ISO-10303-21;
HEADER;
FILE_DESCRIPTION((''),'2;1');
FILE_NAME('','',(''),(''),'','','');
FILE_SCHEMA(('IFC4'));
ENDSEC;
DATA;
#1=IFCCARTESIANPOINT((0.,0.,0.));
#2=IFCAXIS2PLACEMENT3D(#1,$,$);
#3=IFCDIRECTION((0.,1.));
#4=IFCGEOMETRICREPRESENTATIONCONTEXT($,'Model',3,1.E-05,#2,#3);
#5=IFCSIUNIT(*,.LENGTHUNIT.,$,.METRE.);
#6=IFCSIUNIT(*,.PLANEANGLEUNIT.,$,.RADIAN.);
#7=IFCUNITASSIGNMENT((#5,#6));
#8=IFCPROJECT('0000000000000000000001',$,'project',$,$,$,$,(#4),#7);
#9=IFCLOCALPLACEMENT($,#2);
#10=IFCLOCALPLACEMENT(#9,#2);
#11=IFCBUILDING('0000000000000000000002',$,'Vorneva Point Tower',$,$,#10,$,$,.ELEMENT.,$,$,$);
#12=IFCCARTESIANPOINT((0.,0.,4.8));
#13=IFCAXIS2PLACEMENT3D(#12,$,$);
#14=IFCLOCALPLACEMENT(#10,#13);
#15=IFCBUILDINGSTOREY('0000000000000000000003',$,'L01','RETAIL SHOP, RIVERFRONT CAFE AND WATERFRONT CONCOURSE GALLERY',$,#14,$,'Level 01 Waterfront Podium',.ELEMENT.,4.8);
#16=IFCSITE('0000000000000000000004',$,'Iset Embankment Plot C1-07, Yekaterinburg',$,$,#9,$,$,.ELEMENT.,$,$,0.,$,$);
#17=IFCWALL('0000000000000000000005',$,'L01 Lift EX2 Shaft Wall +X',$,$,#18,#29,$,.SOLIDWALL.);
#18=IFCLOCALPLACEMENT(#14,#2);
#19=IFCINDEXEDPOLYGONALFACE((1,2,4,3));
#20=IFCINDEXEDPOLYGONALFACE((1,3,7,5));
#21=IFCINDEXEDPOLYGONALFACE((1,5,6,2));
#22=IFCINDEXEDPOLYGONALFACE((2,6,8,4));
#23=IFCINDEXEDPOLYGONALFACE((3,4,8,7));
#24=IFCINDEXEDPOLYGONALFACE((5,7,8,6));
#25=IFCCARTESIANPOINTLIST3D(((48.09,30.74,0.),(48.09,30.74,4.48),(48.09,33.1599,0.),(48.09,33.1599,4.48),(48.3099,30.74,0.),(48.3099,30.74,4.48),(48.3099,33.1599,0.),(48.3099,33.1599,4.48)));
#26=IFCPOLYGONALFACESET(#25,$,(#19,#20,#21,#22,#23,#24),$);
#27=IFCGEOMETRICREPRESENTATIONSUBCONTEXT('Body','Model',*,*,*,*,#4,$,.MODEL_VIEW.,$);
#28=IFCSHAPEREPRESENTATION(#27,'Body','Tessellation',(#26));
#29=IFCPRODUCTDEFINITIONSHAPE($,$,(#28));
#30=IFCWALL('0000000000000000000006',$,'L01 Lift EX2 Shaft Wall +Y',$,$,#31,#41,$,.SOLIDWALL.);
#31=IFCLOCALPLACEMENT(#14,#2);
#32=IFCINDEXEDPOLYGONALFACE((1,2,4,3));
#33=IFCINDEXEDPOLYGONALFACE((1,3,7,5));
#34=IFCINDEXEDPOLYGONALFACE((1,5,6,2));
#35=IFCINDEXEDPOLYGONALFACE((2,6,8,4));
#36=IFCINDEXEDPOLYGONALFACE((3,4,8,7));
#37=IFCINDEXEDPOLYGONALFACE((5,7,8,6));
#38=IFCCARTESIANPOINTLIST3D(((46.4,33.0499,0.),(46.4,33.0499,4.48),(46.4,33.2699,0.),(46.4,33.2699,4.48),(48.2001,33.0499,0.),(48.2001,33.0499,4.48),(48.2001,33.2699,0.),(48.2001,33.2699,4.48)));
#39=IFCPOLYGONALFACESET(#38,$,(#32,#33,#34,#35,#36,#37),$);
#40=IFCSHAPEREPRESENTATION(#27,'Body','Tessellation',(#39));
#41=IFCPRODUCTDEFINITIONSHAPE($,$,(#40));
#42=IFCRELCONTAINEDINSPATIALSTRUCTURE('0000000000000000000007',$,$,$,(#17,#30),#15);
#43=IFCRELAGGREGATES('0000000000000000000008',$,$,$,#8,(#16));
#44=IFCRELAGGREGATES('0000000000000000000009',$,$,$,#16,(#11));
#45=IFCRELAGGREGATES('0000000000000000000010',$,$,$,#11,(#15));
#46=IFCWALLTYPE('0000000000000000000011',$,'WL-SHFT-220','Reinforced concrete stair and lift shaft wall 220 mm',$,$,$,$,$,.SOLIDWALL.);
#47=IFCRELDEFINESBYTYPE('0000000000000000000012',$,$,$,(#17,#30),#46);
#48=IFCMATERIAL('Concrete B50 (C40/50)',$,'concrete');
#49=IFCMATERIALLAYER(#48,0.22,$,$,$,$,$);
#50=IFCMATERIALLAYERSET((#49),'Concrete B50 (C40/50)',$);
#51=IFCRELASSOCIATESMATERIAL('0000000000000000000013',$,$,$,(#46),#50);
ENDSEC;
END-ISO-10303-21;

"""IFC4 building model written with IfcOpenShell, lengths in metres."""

from ifc_helpers import new_model, si_unit, direction, frame, frame_2d, origin, place, context, subcontext, project, spatial, rectangle, extrude, material, layer, layer_set, type_object, element, save


model = new_model("IFC4")

# Units and contexts
model_context = context("Model", 3, precision=1e-05, world=origin(), true_north=direction((0.0, 1.0)))
body_context = subcontext(model_context, "Body", "Model", "MODEL_VIEW")
ifc_project = project(units=[si_unit("LENGTHUNIT", "METRE"), si_unit("PLANEANGLEUNIT", "RADIAN")], contexts=[model_context])

# Site, building, storey
site_placement = place(None, origin())
site = spatial("IfcSite", under=ifc_project, at=site_placement, Name="Iset Embankment Plot C1-07, Yekaterinburg", CompositionType="ELEMENT", RefElevation=0.0)
building_placement = place(site_placement, origin())
building = spatial("IfcBuilding", under=site, at=building_placement, Name="Vorneva Point Tower", CompositionType="ELEMENT")
storey_placement = place(building_placement, frame((0.0, 0.0, 4.8)))
storey = spatial("IfcBuildingStorey", under=building, at=storey_placement, Name="L01", Description="RETAIL SHOP, RIVERFRONT CAFE AND WATERFRONT CONCOURSE GALLERY", LongName="Level 01 Waterfront Podium", CompositionType="ELEMENT", Elevation=4.8)

# Walls
ifc_material_1 = material(Name="Concrete B50 (C40/50)", Category="concrete")
ifc_layer_1 = layer(ifc_material_1, 0.22)
ifc_layer_set_1 = layer_set([ifc_layer_1], Name="Concrete B50 (C40/50)")
wall_type_1 = type_object("IfcWallType", Name="WL-SHFT-220", Description="Reinforced concrete stair and lift shaft wall 220 mm", PredefinedType="SOLIDWALL", material=ifc_layer_set_1)
wall_1_placement = place(storey_placement, frame((48.2, 30.74, 0.0), z_axis=(0.0, 0.0, 1.0), x_axis=(0.0, 1.0, 0.0)))
element("IfcWall", 1, at=wall_1_placement, inside=storey, type_object=wall_type_1, Name="L01 Lift EX2 Shaft Wall +X", PredefinedType="SOLIDWALL", context=body_context, shape_type="SweptSolid", body=[
    extrude(rectangle(XDim=2.4199, YDim=0.22, at=frame_2d((1.21, 0.0))), origin(), (0.0, 0.0, 1.0), 4.48),
])
wall_2_placement = place(storey_placement, frame((48.2, 33.1599, 0.0), z_axis=(0.0, 0.0, 1.0), x_axis=(-1.0, 0.0, 0.0)))
element("IfcWall", 2, at=wall_2_placement, inside=storey, type_object=wall_type_1, Name="L01 Lift EX2 Shaft Wall +Y", PredefinedType="SOLIDWALL", context=body_context, shape_type="SweptSolid", body=[
    extrude(rectangle(XDim=1.8, YDim=0.22, at=frame_2d((0.8999, 0.0))), origin(), (0.0, 0.0, 1.0), 4.48),
])

save(model, "model.ifc")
= = =
Where a line in the listing above includes the string "IFCLOCALPLACEMENT", copy that line.

#9=IFCLOCALPLACEMENT($,#2);
#10=IFCLOCALPLACEMENT(#9,#2);
#14=IFCLOCALPLACEMENT(#10,#13);
#18=IFCLOCALPLACEMENT(#14,#2);
#31=IFCLOCALPLACEMENT(#14,#2);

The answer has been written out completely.